Data entries:
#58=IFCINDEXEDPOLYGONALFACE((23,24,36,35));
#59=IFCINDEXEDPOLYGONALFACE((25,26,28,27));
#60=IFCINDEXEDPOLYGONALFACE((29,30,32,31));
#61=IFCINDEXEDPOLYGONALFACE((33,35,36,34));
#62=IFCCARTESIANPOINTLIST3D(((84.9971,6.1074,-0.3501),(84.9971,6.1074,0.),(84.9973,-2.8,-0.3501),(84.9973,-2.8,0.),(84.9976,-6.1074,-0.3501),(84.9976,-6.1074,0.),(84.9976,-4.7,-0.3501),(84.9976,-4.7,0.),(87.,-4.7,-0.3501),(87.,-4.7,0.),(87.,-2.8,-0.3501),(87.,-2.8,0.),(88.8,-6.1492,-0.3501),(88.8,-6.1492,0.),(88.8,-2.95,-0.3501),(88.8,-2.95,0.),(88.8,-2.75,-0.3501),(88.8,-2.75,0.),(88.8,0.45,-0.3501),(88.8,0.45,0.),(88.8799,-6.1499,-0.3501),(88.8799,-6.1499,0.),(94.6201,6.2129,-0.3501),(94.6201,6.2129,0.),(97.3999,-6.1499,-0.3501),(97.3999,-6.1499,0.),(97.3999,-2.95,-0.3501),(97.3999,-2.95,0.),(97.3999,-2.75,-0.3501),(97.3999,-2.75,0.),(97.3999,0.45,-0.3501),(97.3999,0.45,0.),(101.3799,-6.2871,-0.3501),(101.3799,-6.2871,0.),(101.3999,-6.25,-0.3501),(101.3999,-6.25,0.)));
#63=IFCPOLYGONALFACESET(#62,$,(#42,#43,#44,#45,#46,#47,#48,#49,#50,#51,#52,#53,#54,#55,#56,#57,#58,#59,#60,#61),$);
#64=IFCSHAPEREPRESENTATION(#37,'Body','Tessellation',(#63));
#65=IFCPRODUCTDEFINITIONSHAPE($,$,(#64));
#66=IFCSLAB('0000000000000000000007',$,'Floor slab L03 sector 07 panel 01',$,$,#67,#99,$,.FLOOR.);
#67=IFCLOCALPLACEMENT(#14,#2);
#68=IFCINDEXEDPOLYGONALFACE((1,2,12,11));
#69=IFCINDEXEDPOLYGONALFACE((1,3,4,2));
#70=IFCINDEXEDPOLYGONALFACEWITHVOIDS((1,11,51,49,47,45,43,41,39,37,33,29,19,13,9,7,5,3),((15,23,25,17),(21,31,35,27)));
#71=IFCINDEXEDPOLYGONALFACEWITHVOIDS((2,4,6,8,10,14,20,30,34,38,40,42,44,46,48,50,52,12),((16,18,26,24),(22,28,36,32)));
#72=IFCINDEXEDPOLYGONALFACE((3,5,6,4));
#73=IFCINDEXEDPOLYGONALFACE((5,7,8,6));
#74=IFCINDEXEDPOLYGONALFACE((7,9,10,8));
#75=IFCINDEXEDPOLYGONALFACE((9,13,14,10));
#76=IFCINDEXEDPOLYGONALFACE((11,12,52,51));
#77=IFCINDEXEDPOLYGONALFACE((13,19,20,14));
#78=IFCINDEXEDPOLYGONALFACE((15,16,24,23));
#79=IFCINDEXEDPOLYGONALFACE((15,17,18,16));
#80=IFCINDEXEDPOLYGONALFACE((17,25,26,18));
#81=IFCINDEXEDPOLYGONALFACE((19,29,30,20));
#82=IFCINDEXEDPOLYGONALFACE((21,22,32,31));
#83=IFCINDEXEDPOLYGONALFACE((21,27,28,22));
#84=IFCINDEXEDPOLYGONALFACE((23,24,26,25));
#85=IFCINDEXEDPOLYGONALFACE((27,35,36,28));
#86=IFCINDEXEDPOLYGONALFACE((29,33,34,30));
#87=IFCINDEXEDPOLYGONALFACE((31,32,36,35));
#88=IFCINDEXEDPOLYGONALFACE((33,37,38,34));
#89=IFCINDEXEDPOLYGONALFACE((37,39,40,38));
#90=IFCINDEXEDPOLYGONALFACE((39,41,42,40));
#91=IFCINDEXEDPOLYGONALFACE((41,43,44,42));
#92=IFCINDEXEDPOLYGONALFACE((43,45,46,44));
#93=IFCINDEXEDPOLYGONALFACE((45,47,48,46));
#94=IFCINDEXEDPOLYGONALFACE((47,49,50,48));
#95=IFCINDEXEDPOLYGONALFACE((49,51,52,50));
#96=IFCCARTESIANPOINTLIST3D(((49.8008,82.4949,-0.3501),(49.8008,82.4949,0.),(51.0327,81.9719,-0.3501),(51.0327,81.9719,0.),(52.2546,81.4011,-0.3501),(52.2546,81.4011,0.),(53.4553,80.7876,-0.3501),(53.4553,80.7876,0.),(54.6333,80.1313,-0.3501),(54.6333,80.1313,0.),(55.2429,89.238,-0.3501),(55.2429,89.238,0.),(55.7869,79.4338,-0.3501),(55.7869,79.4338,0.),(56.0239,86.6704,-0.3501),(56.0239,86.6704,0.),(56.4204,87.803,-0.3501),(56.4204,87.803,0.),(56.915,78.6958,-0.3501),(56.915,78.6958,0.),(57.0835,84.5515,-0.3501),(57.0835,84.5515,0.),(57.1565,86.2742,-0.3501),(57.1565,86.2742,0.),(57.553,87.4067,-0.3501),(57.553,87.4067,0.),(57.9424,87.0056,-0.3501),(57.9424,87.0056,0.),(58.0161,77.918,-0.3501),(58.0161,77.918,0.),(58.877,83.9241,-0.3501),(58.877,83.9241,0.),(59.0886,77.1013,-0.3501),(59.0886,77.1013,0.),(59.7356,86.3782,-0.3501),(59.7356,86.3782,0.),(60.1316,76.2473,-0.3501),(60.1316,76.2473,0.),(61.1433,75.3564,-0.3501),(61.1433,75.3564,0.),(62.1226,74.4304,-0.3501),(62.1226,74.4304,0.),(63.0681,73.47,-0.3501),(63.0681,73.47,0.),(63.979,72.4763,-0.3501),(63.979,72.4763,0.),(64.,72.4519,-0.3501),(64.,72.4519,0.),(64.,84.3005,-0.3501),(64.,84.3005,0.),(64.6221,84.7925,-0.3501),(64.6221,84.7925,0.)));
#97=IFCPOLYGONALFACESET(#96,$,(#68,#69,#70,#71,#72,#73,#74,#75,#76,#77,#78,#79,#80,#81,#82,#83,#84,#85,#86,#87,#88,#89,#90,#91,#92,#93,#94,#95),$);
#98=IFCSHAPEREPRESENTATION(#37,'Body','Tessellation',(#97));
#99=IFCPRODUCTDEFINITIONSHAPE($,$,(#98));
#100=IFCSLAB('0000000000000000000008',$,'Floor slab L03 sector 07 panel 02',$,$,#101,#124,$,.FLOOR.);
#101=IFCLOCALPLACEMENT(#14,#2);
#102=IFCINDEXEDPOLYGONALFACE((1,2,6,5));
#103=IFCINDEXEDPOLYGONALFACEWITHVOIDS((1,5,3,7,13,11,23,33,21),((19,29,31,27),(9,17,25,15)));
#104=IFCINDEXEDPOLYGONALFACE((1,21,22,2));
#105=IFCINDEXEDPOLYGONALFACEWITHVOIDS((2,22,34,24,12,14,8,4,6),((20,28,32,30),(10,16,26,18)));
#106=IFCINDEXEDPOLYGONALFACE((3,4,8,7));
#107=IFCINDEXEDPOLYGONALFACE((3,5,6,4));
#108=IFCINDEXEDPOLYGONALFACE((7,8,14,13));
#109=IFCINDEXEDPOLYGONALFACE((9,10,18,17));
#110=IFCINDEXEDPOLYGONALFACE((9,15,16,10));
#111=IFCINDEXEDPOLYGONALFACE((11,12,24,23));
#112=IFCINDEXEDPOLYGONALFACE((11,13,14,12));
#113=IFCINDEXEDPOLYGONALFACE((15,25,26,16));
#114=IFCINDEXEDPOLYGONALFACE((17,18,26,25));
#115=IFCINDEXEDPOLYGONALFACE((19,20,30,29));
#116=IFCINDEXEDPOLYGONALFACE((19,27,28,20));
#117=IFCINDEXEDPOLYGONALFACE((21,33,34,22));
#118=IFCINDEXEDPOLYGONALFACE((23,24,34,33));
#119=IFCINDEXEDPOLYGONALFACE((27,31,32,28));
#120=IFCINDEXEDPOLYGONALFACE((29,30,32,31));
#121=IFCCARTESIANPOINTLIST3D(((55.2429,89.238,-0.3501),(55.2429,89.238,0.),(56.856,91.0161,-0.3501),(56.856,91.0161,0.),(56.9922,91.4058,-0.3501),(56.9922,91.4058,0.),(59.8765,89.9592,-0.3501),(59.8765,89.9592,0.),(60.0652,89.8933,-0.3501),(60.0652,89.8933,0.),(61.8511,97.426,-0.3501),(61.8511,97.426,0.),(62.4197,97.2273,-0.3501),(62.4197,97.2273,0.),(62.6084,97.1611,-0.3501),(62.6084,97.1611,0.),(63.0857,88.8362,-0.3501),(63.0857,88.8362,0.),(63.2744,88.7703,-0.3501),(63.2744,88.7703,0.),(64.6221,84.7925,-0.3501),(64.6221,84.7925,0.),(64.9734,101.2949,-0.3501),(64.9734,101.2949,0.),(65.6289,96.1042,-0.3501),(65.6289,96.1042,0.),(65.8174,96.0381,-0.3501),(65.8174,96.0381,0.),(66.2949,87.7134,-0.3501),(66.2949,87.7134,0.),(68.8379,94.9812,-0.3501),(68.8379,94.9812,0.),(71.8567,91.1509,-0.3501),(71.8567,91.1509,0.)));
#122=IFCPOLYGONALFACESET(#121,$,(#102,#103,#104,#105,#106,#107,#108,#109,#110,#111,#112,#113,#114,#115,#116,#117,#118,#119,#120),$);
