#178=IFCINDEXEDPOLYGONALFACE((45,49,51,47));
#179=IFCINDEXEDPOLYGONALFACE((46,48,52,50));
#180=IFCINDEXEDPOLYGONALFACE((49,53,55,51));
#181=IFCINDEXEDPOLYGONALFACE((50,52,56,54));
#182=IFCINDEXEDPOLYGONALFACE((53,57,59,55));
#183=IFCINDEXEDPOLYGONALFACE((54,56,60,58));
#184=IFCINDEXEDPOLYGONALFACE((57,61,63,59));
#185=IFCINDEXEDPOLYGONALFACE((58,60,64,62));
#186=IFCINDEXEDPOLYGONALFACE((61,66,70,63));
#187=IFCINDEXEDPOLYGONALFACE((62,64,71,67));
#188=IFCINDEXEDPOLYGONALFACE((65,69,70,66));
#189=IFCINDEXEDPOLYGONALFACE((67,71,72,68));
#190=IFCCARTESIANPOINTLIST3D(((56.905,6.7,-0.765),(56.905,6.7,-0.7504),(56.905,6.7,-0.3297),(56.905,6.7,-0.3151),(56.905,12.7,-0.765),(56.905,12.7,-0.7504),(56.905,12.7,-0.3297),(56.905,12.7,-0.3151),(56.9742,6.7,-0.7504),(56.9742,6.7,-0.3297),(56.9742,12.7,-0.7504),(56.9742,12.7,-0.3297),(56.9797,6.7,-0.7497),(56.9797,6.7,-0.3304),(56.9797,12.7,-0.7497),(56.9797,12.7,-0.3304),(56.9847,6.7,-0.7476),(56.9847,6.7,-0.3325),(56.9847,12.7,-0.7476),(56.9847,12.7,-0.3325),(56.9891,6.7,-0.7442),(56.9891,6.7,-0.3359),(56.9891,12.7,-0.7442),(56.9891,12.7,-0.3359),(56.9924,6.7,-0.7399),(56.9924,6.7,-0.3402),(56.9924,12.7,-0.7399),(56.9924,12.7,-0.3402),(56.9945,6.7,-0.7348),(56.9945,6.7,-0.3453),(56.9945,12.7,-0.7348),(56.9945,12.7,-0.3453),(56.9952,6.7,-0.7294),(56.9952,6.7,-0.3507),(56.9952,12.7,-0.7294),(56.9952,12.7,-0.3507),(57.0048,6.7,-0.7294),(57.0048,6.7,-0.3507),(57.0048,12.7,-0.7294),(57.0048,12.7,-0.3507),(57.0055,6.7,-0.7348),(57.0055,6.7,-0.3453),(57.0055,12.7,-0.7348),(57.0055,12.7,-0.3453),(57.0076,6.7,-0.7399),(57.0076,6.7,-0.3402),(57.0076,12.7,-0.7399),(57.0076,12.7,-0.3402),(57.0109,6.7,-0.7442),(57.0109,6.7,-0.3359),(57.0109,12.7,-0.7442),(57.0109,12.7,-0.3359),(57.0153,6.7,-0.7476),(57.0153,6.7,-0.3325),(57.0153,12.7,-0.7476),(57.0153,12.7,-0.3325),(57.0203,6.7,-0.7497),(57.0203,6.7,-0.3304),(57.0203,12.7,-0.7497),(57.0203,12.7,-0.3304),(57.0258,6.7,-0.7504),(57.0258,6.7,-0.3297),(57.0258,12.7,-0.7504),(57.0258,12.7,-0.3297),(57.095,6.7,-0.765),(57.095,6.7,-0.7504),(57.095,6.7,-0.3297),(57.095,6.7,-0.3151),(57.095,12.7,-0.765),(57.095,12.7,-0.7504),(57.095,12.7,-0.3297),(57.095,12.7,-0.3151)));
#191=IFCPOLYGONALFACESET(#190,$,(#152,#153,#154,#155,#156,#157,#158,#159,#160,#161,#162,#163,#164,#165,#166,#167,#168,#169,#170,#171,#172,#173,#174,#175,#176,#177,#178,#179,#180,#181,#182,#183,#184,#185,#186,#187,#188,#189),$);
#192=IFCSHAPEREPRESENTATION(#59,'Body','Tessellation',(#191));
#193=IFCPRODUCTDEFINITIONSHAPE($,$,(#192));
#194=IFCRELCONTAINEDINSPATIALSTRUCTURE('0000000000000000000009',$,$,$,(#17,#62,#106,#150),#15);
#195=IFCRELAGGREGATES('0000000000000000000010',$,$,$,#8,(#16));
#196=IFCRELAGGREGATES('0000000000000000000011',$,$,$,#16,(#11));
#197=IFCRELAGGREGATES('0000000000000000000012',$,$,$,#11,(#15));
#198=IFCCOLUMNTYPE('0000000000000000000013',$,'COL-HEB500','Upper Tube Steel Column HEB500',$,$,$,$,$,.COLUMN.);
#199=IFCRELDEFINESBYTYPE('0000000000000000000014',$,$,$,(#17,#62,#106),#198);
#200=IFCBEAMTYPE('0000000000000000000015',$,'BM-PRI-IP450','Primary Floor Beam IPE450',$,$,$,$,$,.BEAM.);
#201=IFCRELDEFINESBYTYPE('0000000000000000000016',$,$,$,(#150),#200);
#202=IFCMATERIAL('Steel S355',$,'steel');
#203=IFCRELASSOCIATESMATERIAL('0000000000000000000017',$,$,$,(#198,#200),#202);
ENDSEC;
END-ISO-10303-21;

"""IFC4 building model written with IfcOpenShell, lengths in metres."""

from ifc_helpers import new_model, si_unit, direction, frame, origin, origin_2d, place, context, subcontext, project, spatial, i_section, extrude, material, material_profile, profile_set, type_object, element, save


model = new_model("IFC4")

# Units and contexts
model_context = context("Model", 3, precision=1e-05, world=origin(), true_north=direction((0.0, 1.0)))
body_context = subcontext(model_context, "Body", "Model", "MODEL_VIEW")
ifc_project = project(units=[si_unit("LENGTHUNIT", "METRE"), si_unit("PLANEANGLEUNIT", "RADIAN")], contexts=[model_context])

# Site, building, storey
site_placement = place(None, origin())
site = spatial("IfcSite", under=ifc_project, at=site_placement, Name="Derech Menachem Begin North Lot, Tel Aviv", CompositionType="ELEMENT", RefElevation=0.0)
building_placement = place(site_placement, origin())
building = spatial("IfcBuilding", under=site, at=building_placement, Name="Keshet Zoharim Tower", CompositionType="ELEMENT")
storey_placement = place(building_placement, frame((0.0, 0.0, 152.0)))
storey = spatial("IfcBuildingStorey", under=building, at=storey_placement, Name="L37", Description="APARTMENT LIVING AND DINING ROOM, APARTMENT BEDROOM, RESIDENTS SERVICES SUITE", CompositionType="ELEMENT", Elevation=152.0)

### Work required:
Among the entries, find every line holding "IFCLOCALPLACEMENT" and return it.

### Response to this exercise:
#67=IFCLOCALPLACEMENT(#14,#2);
#101=IFCLOCALPLACEMENT(#14,#2);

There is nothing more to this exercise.